§ WORK INSTRUCTIONS
Some entries follow. Reproduce exactly the lines starting at the one with "#194=IFCWALLTYPE('0000000000000000000023',$,'CORRIDOR WALL 200" and stopping after the one with "#198=IFCWALLTYPE('0000000000000000000027',$,'CROSS WALL 250".
EXERCISE INPUTS below:
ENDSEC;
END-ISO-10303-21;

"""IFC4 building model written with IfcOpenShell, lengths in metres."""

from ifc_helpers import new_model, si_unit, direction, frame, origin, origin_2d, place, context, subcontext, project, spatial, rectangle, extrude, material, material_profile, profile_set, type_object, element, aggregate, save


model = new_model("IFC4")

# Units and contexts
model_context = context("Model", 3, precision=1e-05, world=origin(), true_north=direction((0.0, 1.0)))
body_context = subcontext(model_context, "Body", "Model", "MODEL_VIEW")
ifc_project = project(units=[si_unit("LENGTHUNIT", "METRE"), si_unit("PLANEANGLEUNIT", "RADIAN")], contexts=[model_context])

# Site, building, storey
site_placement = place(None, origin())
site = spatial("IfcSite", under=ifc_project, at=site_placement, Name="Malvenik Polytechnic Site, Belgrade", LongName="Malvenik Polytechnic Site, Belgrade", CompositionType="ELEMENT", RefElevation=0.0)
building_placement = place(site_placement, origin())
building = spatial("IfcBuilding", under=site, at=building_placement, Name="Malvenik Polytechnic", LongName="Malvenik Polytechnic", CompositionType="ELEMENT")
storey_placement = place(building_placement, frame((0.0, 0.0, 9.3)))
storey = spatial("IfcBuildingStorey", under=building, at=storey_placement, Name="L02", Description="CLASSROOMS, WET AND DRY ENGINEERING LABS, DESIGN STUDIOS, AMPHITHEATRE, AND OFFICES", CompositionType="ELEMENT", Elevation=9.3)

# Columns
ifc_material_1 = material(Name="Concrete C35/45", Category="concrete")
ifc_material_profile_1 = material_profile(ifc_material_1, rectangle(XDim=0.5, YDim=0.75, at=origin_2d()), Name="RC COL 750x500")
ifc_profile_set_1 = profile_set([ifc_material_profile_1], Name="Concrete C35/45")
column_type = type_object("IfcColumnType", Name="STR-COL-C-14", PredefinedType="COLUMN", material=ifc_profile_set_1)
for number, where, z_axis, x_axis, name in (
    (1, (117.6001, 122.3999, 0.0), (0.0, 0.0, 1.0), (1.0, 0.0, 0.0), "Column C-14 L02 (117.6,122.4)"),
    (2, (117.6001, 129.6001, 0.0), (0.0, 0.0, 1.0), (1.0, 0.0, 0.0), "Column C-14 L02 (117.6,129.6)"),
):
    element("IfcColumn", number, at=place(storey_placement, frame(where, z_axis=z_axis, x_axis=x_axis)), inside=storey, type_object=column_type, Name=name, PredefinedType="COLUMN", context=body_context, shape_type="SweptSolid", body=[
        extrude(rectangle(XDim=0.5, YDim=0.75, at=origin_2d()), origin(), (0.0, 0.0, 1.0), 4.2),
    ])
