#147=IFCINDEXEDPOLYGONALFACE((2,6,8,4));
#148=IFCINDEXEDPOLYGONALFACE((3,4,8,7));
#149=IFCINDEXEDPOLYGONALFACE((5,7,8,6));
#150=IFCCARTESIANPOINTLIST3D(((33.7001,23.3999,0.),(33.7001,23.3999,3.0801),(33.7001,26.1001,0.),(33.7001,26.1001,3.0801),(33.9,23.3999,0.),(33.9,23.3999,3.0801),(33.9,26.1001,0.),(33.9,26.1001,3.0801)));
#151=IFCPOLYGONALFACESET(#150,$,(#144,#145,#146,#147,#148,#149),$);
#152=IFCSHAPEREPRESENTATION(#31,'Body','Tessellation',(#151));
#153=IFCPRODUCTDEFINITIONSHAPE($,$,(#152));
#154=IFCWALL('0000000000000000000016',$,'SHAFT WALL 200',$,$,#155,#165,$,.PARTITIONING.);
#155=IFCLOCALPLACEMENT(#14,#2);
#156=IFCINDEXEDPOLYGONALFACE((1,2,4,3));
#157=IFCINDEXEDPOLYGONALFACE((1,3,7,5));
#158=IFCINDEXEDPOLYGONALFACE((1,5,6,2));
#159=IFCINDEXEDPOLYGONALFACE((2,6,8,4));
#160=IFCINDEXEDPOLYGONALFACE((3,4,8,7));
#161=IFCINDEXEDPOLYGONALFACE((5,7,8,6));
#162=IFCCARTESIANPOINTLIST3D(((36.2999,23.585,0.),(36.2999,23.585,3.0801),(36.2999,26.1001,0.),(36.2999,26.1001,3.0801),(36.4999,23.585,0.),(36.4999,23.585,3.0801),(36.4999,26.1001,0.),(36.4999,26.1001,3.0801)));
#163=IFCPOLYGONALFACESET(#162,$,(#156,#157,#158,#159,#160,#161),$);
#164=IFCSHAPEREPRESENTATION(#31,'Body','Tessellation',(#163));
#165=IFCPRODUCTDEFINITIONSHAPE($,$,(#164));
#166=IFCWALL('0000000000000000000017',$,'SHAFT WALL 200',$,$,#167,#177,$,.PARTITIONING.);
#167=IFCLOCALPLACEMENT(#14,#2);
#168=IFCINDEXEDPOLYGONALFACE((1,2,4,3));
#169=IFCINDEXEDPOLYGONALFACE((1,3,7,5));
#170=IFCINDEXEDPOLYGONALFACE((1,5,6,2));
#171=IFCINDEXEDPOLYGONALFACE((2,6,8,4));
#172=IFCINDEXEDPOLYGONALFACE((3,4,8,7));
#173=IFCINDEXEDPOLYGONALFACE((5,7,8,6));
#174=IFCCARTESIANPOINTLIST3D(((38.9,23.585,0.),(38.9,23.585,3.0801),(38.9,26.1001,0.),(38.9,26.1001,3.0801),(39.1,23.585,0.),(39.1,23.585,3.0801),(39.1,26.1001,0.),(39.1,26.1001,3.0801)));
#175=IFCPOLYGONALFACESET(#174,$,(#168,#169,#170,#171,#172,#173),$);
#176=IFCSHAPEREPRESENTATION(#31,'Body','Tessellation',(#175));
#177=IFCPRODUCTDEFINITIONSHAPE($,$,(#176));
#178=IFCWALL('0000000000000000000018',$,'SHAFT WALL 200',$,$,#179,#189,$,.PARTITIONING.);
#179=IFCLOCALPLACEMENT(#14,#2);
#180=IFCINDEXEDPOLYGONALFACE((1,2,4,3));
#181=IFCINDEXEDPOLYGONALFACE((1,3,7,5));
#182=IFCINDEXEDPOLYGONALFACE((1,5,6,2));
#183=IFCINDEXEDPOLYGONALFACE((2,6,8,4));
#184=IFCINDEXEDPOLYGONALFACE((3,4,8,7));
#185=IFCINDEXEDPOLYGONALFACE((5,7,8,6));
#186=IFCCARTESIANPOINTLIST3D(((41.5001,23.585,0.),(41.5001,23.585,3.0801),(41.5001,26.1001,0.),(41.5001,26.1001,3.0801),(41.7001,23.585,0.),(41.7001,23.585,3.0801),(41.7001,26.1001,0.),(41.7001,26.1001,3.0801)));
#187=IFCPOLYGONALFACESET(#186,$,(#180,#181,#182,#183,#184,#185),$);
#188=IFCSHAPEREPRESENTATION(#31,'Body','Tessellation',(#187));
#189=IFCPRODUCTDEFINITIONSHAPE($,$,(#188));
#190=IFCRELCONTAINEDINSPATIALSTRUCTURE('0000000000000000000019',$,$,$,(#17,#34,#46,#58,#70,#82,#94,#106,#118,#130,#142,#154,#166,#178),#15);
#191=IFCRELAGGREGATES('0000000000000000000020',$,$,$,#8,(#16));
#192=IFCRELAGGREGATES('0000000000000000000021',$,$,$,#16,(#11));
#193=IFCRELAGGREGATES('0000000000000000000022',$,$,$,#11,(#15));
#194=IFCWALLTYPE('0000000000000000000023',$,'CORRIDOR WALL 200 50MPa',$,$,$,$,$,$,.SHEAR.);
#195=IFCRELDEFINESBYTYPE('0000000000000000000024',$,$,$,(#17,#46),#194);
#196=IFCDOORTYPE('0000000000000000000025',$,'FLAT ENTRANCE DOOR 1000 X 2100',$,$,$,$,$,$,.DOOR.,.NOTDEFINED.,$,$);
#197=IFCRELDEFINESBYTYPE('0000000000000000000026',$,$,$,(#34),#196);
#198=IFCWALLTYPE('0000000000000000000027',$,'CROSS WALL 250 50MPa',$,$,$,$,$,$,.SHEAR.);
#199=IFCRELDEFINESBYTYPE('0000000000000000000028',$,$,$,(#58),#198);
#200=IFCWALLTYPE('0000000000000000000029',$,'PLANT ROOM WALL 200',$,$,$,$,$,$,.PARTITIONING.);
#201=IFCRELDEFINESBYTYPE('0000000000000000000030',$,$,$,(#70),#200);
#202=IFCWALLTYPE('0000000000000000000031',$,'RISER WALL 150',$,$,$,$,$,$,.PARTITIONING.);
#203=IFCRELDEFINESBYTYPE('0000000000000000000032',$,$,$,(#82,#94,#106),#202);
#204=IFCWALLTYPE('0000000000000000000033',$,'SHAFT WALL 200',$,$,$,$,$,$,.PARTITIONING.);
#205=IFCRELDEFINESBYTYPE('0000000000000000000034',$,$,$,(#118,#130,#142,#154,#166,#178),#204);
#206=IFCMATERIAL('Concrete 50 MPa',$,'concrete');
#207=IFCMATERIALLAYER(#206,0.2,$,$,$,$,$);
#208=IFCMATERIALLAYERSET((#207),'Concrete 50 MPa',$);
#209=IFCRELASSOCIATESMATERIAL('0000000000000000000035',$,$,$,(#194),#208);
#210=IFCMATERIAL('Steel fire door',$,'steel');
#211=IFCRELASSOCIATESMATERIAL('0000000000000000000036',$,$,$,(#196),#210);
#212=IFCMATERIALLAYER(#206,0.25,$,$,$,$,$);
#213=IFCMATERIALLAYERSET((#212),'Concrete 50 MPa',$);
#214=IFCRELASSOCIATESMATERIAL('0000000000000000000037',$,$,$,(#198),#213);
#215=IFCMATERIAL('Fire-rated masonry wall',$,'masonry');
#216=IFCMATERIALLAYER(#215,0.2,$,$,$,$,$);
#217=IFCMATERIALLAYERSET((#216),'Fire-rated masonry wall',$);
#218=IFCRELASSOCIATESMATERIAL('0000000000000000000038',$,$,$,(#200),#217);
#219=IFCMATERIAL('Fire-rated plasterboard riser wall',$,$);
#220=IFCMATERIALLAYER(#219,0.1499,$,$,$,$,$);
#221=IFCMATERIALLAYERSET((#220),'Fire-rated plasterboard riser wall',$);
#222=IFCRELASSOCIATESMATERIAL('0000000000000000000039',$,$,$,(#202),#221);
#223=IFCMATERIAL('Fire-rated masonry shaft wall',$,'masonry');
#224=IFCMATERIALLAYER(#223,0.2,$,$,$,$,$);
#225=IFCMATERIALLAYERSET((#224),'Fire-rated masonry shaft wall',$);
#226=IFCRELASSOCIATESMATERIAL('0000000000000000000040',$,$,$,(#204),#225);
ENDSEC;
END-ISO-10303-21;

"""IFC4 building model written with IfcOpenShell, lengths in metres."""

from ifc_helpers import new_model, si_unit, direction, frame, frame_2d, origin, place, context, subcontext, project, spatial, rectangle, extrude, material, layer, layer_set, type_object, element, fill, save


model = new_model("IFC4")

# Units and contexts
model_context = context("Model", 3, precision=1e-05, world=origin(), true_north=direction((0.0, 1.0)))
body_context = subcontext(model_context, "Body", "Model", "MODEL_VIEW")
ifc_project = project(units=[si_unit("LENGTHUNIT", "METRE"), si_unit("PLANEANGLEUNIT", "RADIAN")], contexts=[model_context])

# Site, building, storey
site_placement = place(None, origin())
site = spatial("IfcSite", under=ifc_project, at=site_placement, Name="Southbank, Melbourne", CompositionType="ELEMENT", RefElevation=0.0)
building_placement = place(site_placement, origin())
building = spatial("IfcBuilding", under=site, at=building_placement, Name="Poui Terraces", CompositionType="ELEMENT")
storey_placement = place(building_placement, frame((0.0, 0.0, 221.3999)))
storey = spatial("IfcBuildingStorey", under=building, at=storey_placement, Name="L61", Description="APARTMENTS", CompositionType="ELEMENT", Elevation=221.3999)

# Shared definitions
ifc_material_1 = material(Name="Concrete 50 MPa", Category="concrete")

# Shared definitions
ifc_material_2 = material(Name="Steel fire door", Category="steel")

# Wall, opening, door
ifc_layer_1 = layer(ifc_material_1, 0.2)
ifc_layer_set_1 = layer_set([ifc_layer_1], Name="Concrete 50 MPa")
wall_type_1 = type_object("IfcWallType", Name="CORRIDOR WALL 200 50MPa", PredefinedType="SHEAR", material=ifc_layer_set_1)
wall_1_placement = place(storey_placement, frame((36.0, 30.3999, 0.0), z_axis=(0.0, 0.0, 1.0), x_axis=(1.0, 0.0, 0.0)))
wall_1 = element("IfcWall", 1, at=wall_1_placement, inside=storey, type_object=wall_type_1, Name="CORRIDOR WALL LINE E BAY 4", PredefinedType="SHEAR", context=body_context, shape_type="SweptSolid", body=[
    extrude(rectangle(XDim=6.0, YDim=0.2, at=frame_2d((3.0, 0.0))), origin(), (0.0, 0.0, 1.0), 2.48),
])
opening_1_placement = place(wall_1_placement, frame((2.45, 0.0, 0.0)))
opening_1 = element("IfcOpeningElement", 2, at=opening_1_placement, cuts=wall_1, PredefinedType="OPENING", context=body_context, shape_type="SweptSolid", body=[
End of EXERCISE INPUTS.
§ SOLUTION
#194=IFCWALLTYPE('0000000000000000000023',$,'CORRIDOR WALL 200 50MPa',$,$,$,$,$,$,.SHEAR.);
#195=IFCRELDEFINESBYTYPE('0000000000000000000024',$,$,$,(#17,#46),#194);
#196=IFCDOORTYPE('0000000000000000000025',$,'FLAT ENTRANCE DOOR 1000 X 2100',$,$,$,$,$,$,.DOOR.,.NOTDEFINED.,$,$);
#197=IFCRELDEFINESBYTYPE('0000000000000000000026',$,$,$,(#34),#196);
#198=IFCWALLTYPE('0000000000000000000027',$,'CROSS WALL 250 50MPa',$,$,$,$,$,$,.SHEAR.);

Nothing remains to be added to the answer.